Stored data
-- Opening Marker --
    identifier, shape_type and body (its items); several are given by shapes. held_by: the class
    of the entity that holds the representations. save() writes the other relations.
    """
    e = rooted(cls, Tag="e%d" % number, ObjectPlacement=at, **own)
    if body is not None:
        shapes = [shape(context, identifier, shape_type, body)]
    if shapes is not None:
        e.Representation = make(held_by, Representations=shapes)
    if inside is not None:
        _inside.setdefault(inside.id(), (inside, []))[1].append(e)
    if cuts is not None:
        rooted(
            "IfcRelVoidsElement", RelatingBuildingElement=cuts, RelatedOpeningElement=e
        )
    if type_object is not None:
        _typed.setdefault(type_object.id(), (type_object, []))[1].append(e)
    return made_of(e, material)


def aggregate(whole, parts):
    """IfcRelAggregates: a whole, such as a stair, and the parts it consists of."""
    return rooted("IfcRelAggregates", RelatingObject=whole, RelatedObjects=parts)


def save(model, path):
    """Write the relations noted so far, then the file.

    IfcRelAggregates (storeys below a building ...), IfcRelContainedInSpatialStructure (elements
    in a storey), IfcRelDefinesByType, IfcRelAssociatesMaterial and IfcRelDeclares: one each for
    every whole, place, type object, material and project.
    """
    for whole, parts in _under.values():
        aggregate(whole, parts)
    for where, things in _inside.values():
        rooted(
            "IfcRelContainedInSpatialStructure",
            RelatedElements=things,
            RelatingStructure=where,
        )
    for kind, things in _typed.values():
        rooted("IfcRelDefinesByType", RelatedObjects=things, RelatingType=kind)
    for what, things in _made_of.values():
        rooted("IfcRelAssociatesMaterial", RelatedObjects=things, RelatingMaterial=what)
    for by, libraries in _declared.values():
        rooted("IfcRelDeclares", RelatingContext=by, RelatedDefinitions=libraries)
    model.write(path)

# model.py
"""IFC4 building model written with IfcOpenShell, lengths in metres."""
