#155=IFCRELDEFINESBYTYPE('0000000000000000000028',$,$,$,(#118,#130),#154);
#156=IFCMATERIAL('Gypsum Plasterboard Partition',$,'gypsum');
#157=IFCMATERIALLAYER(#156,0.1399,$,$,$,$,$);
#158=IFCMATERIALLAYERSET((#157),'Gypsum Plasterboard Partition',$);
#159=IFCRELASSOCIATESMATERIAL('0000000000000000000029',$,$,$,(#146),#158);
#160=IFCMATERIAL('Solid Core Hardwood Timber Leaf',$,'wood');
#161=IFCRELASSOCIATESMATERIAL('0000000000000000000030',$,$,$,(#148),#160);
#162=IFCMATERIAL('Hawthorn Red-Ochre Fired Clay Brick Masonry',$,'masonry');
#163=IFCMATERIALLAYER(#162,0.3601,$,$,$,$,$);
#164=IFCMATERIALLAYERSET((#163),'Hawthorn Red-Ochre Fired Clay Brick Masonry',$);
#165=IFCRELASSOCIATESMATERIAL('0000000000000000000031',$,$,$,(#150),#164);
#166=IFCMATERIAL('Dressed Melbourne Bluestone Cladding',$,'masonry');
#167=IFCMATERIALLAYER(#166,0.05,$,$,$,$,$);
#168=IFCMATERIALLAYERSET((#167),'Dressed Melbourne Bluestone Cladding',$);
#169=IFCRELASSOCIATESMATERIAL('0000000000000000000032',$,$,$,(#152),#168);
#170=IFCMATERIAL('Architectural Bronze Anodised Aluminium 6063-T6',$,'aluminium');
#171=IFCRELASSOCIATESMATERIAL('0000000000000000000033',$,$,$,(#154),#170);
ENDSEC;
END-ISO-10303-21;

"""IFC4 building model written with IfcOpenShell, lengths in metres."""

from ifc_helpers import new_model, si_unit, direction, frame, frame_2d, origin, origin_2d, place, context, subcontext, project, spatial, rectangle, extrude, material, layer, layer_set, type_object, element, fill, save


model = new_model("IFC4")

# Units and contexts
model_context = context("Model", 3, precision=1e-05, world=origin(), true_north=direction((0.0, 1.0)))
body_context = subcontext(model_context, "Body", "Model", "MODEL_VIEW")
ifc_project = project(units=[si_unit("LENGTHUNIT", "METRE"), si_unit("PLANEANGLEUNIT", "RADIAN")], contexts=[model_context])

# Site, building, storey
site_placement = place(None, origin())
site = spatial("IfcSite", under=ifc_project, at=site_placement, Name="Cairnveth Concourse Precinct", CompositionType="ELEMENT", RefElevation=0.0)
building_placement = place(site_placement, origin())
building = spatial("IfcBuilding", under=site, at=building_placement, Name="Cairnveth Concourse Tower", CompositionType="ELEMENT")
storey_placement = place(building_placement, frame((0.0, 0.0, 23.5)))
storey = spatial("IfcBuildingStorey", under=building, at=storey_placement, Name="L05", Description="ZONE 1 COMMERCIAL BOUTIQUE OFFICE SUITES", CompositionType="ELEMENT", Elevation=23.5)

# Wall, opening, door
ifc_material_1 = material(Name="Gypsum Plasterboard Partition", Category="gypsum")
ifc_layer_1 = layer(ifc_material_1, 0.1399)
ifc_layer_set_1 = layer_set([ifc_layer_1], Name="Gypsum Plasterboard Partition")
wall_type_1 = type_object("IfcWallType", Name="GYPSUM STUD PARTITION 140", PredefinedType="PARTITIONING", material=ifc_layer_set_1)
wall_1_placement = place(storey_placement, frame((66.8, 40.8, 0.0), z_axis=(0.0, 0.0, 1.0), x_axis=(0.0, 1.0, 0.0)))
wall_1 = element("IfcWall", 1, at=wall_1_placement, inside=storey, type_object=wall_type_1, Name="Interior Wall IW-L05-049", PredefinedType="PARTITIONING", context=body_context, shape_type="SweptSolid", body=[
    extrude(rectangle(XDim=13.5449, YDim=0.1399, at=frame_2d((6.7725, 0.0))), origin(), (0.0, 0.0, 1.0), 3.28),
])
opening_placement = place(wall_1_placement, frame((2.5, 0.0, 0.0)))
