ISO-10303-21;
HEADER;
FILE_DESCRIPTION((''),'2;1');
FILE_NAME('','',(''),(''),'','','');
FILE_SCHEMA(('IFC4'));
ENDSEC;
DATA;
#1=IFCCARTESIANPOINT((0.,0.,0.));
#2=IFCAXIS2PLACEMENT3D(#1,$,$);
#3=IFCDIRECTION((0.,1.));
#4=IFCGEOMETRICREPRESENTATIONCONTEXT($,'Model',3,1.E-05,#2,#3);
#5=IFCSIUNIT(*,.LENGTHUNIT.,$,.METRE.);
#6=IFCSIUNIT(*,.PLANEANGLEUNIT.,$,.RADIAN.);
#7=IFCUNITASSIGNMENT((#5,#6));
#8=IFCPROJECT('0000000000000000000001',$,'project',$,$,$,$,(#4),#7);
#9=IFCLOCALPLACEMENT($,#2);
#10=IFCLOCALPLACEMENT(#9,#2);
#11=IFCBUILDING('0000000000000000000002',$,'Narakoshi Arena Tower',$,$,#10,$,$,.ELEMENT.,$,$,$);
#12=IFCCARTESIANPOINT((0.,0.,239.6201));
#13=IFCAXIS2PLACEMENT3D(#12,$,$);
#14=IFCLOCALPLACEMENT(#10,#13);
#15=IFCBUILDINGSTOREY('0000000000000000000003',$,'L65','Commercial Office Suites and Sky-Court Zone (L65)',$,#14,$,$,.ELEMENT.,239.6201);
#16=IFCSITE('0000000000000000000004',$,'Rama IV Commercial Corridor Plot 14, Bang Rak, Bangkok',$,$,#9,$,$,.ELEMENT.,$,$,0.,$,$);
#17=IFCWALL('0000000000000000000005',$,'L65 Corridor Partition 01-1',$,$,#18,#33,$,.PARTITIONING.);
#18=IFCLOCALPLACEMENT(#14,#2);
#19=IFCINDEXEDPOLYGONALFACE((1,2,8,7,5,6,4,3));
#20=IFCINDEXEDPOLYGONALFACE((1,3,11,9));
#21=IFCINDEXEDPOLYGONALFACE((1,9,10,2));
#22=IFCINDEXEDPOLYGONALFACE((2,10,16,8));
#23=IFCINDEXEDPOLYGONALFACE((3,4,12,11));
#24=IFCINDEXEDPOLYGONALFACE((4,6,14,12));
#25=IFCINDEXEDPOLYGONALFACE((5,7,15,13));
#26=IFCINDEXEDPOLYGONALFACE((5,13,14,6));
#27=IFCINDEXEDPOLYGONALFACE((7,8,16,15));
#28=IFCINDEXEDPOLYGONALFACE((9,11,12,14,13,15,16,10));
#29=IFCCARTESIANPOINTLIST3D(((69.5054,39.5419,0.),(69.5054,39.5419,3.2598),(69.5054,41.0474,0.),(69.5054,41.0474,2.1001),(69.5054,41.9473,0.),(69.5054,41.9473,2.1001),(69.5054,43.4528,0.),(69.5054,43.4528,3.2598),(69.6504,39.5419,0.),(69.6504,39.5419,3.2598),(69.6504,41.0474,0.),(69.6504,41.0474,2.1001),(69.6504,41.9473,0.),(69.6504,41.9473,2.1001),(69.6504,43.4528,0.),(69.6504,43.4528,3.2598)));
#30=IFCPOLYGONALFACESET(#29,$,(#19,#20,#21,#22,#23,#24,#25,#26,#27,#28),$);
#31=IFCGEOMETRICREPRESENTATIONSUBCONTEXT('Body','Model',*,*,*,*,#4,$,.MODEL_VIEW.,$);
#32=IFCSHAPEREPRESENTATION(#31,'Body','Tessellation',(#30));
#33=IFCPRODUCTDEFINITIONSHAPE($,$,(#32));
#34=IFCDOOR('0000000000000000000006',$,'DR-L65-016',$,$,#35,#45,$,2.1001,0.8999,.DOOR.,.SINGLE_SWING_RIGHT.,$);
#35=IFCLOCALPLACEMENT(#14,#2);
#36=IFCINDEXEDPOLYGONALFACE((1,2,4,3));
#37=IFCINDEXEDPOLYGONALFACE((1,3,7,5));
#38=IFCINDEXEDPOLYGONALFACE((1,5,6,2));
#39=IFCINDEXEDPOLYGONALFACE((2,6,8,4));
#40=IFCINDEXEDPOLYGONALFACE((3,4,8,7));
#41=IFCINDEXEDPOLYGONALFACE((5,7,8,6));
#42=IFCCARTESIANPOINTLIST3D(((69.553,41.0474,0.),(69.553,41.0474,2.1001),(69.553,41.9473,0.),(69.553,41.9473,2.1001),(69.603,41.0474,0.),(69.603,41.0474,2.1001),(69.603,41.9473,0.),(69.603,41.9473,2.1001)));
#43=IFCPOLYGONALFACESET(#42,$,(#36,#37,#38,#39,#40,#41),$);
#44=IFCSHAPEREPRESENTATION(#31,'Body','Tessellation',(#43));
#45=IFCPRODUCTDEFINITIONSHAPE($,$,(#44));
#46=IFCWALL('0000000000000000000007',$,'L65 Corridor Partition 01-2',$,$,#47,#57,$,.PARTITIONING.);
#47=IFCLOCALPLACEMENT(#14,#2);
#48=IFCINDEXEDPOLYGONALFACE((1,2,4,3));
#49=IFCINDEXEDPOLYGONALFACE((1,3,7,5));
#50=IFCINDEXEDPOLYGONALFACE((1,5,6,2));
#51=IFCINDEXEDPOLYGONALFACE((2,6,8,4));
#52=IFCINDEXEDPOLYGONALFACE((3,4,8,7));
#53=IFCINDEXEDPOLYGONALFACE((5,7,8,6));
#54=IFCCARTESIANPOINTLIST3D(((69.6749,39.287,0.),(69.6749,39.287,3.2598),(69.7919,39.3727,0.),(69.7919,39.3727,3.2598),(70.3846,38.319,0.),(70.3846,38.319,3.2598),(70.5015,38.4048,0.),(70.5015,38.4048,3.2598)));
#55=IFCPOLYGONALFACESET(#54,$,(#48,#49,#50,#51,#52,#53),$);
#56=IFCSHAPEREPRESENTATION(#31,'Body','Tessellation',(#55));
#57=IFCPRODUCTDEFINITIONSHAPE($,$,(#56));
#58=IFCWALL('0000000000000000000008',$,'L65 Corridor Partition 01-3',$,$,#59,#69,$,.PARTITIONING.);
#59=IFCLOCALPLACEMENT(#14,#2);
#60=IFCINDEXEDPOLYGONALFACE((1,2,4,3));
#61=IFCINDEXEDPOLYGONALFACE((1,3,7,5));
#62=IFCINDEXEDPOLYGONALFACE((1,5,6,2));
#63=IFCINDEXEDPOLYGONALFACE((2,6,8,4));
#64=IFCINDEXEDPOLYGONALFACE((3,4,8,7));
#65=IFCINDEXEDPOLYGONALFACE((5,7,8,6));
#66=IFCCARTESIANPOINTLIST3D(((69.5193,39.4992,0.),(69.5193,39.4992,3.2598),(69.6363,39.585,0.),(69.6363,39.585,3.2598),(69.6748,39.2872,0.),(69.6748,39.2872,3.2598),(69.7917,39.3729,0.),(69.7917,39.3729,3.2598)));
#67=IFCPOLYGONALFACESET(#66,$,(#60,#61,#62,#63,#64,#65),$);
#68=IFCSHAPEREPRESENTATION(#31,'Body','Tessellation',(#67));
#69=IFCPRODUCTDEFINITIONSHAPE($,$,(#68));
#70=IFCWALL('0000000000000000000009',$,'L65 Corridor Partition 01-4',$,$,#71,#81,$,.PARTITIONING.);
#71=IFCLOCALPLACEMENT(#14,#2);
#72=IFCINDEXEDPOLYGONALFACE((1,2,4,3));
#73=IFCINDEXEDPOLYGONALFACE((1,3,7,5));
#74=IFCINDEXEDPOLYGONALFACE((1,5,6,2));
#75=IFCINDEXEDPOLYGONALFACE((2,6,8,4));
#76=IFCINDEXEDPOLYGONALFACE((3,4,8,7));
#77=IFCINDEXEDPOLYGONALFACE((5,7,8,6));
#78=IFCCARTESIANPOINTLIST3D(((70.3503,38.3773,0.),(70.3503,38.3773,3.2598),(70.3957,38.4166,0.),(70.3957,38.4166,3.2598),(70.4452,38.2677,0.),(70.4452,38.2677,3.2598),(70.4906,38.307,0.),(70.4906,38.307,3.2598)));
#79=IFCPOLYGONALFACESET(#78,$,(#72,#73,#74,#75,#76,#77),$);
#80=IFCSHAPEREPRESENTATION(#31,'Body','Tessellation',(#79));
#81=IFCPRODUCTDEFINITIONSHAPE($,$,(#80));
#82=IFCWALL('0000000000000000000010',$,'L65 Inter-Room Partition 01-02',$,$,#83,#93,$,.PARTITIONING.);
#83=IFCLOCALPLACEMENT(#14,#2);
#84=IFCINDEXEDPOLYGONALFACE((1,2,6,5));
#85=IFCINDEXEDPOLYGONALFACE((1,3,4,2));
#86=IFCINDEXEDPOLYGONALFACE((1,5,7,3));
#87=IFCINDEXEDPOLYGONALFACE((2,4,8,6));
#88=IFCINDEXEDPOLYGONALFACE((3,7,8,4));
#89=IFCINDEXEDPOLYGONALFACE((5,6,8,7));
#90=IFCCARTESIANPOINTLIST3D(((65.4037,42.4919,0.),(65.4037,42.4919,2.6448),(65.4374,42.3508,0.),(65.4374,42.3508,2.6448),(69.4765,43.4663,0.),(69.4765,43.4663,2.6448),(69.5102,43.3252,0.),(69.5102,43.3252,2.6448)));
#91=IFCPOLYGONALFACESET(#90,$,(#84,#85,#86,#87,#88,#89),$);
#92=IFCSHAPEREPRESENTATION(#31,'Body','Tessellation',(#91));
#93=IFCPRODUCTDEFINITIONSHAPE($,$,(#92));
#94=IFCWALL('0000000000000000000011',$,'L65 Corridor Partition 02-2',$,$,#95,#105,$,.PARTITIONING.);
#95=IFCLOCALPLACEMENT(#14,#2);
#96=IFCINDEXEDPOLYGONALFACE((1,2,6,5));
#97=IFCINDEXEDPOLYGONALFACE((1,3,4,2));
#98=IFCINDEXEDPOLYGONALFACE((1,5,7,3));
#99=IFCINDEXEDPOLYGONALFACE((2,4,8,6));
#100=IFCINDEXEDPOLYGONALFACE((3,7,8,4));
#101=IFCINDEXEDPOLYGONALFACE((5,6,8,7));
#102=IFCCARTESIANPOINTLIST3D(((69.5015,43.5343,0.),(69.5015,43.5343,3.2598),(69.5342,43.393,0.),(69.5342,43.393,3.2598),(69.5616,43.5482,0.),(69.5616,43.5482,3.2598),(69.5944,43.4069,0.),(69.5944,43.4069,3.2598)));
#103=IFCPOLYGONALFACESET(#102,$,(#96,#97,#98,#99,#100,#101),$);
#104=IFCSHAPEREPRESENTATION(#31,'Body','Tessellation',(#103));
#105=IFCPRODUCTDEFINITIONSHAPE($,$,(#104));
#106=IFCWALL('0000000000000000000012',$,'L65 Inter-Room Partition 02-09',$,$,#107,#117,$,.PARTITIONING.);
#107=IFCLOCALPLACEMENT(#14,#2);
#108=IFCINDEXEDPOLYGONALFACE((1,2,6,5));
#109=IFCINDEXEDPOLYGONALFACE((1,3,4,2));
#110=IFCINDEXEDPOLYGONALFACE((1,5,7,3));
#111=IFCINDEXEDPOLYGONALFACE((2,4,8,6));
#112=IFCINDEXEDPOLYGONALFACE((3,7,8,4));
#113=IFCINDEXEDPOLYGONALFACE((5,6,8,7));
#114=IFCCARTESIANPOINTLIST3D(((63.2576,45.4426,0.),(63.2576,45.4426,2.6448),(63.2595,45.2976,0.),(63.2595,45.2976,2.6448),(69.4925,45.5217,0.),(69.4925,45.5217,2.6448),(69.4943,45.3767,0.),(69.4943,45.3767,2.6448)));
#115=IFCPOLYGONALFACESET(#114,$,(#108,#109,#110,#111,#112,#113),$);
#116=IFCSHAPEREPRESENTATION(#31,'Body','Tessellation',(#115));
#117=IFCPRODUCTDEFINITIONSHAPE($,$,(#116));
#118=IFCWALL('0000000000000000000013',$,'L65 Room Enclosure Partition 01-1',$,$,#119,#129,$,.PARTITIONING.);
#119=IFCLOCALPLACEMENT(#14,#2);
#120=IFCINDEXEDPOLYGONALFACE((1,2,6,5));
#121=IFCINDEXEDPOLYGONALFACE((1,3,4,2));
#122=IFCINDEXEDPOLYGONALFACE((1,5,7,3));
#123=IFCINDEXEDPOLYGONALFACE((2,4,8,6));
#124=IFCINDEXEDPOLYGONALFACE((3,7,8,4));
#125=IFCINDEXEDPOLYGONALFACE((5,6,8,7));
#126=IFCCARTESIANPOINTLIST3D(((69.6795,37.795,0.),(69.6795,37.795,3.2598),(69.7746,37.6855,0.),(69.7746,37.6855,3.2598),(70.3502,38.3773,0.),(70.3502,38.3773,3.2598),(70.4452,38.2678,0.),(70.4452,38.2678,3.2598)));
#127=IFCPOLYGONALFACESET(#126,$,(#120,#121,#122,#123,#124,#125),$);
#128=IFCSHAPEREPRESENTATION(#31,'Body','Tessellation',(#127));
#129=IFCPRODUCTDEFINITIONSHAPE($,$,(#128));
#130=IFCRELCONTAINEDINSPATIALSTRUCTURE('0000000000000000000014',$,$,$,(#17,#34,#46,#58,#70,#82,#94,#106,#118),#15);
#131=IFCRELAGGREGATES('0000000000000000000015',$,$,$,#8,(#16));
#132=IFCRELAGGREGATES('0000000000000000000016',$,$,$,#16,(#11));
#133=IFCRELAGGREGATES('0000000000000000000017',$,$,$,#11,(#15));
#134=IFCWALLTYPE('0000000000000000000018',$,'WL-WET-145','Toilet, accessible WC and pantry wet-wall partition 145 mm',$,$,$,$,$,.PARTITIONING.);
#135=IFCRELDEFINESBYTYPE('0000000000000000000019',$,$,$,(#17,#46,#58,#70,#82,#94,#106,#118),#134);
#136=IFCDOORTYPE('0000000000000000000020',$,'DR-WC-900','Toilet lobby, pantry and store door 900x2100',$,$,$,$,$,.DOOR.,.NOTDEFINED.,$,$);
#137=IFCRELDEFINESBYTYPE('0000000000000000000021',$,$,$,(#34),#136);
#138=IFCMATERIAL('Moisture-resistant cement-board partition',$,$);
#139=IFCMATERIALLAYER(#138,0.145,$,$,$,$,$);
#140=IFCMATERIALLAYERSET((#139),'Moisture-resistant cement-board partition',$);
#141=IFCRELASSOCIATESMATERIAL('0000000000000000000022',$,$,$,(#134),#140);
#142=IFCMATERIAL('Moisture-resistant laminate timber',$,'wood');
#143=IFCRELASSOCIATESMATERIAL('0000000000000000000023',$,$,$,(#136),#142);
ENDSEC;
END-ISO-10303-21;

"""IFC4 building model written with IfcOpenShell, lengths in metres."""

from ifc_helpers import new_model, si_unit, direction, frame, frame_2d, origin, place, context, subcontext, project, spatial, rectangle, extrude, material, layer, layer_set, type_object, element, fill, save


model = new_model("IFC4")

# Units and contexts
model_context = context("Model", 3, precision=1e-05, world=origin(), true_north=direction((0.0, 1.0)))
body_context = subcontext(model_context, "Body", "Model", "MODEL_VIEW")
ifc_project = project(units=[si_unit("LENGTHUNIT", "METRE"), si_unit("PLANEANGLEUNIT", "RADIAN")], contexts=[model_context])

# Site, building, storey
site_placement = place(None, origin())
site = spatial("IfcSite", under=ifc_project, at=site_placement, Name="Rama IV Commercial Corridor Plot 14, Bang Rak, Bangkok", CompositionType="ELEMENT", RefElevation=0.0)
building_placement = place(site_placement, origin())
building = spatial("IfcBuilding", under=site, at=building_placement, Name="Narakoshi Arena Tower", CompositionType="ELEMENT")
storey_placement = place(building_placement, frame((0.0, 0.0, 239.6201)))
storey = spatial("IfcBuildingStorey", under=building, at=storey_placement, Name="L65", Description="Commercial Office Suites and Sky-Court Zone (L65)", CompositionType="ELEMENT", Elevation=239.6201)

# Wall, opening, door
ifc_material_1 = material(Name="Moisture-resistant cement-board partition")
ifc_layer_1 = layer(ifc_material_1, 0.145)
ifc_layer_set_1 = layer_set([ifc_layer_1], Name="Moisture-resistant cement-board partition")
wall_type_1 = type_object("IfcWallType", Name="WL-WET-145", Description="Toilet, accessible WC and pantry wet-wall partition 145 mm", PredefinedType="PARTITIONING", material=ifc_layer_set_1)
wall_1_placement = place(storey_placement, frame((69.5779, 43.4529, 0.0), z_axis=(0.0, 0.0, 1.0), x_axis=(0.0, -1.0, 0.0)))
wall_1 = element("IfcWall", 1, at=wall_1_placement, inside=storey, type_object=wall_type_1, Name="L65 Corridor Partition 01-1", PredefinedType="PARTITIONING", context=body_context, shape_type="SweptSolid", body=[
    extrude(rectangle(XDim=3.9109, YDim=0.145, at=frame_2d((1.9556, 0.0))), origin(), (0.0, 0.0, 1.0), 3.2598),
])
opening_1_placement = place(wall_1_placement, frame((1.5056, 0.0, 0.0)))
opening_1 = element("IfcOpeningElement", 2, at=opening_1_placement, cuts=wall_1, PredefinedType="OPENING", context=body_context, shape_type="SweptSolid", body=[
    extrude(rectangle(XDim=0.8999, YDim=2.1001, at=frame_2d((0.45, 1.05))), frame((0.0, 0.0825, 0.0), z_axis=(0.0, -1.0, 0.0), x_axis=(1.0, 0.0, 0.0)), (0.0, 0.0, 1.0), 0.165),
])
ifc_material_2 = material(Name="Moisture-resistant laminate timber", Category="wood")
-- Closing Marker --
### What the task asks
Reprint exactly the lines above that start at the one with "if cuts is not" and end at the one with "for kind, things", keeping both and adding none.

### Expected answer
    if cuts is not None:
        rooted(
            "IfcRelVoidsElement", RelatingBuildingElement=cuts, RelatedOpeningElement=e
        )
    if type_object is not None:
        _typed.setdefault(type_object.id(), (type_object, []))[1].append(e)
    return made_of(e, material)


def aggregate(whole, parts):
    """IfcRelAggregates: a whole, such as a stair, and the parts it consists of."""
    return rooted("IfcRelAggregates", RelatingObject=whole, RelatedObjects=parts)


def save(model, path):
    """Write the relations noted so far, then the file.

    IfcRelAggregates (storeys below a building ...), IfcRelContainedInSpatialStructure (elements
    in a storey), IfcRelDefinesByType, IfcRelAssociatesMaterial and IfcRelDeclares: one each for
    every whole, place, type object, material and project.
    """
    for whole, parts in _under.values():
        aggregate(whole, parts)
    for where, things in _inside.values():
        rooted(
            "IfcRelContainedInSpatialStructure",
            RelatedElements=things,
            RelatingStructure=where,
        )
    for kind, things in _typed.values():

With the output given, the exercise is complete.